======== Supplied entries ========
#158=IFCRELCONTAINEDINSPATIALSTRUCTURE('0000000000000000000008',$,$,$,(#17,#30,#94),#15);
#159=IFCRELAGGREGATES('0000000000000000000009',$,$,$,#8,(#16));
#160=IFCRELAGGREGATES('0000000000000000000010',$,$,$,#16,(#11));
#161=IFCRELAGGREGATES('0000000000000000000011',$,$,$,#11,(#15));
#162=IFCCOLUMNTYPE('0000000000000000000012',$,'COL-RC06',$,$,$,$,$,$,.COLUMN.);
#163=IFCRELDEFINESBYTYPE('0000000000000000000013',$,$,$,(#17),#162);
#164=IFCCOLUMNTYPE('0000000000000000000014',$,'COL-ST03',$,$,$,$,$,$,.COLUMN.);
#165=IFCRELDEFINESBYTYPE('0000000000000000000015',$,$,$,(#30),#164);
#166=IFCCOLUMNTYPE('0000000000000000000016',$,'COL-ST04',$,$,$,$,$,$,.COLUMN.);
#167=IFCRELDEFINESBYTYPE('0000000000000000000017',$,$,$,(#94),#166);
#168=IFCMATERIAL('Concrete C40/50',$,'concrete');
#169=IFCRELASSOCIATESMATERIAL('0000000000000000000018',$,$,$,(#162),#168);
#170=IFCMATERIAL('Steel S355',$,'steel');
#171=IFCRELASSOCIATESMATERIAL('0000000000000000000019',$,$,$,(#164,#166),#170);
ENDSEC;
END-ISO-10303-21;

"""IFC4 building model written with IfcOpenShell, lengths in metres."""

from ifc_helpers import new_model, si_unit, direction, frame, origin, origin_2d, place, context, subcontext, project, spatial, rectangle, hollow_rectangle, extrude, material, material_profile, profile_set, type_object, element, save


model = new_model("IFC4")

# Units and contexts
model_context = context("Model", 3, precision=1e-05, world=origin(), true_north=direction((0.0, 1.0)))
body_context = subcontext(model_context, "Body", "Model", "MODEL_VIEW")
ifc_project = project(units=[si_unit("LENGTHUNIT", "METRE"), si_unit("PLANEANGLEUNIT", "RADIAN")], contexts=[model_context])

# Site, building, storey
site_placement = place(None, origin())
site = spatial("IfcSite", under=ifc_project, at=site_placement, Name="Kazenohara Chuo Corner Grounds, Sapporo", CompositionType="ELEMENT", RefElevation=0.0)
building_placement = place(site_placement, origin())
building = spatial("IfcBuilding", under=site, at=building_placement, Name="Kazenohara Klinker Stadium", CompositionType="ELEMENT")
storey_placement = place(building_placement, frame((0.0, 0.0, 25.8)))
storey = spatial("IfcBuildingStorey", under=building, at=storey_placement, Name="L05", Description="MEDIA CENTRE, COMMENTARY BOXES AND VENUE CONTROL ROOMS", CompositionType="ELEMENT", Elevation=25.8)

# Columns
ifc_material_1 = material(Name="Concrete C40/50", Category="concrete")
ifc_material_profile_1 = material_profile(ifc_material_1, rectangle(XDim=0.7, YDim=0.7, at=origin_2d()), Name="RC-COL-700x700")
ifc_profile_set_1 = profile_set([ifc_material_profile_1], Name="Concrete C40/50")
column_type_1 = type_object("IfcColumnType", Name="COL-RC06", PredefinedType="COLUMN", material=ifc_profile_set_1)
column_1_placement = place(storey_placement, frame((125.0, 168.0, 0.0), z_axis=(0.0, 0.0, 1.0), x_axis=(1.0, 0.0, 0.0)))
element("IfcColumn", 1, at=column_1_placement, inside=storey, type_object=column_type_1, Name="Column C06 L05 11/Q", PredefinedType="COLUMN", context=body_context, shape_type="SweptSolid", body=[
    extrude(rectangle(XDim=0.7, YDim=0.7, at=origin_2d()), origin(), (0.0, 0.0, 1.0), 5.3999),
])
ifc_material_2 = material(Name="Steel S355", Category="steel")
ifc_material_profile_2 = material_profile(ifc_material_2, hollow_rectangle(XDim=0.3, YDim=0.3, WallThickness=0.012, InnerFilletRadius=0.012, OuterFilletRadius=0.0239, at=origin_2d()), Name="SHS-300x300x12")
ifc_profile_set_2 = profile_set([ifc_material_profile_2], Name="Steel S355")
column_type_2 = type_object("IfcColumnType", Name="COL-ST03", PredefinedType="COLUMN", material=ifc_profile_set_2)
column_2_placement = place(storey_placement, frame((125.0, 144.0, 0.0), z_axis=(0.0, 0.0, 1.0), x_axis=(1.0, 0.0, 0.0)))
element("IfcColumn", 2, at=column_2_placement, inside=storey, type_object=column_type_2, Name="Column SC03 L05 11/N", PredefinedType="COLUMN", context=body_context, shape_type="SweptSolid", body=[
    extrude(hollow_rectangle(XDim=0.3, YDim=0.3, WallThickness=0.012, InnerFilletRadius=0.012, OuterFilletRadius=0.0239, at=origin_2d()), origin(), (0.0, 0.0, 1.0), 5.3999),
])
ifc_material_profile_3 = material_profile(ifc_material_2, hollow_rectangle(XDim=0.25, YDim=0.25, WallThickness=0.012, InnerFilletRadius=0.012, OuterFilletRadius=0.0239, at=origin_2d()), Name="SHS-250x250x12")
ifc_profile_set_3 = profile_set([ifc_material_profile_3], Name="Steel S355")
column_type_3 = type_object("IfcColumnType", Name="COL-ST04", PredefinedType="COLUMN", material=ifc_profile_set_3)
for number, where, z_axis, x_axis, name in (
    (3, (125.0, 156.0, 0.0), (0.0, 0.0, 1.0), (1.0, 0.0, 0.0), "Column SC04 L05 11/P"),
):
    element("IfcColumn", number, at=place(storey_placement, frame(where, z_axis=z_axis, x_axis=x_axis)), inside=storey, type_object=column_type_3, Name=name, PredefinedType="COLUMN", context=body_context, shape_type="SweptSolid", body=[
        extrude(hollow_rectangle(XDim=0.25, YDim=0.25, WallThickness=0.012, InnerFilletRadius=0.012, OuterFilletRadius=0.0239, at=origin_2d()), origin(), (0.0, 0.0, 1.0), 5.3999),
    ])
========
What is expected:
Return, please, the lines of the data from the first through the line containing "#160=IFCRELAGGREGATES('0000000000000000000010',$,$,$,#16,(#11));", both kept, exactly as they stand and nothing more.

Written answer:
#158=IFCRELCONTAINEDINSPATIALSTRUCTURE('0000000000000000000008',$,$,$,(#17,#30,#94),#15);
#159=IFCRELAGGREGATES('0000000000000000000009',$,$,$,#8,(#16));
#160=IFCRELAGGREGATES('0000000000000000000010',$,$,$,#16,(#11));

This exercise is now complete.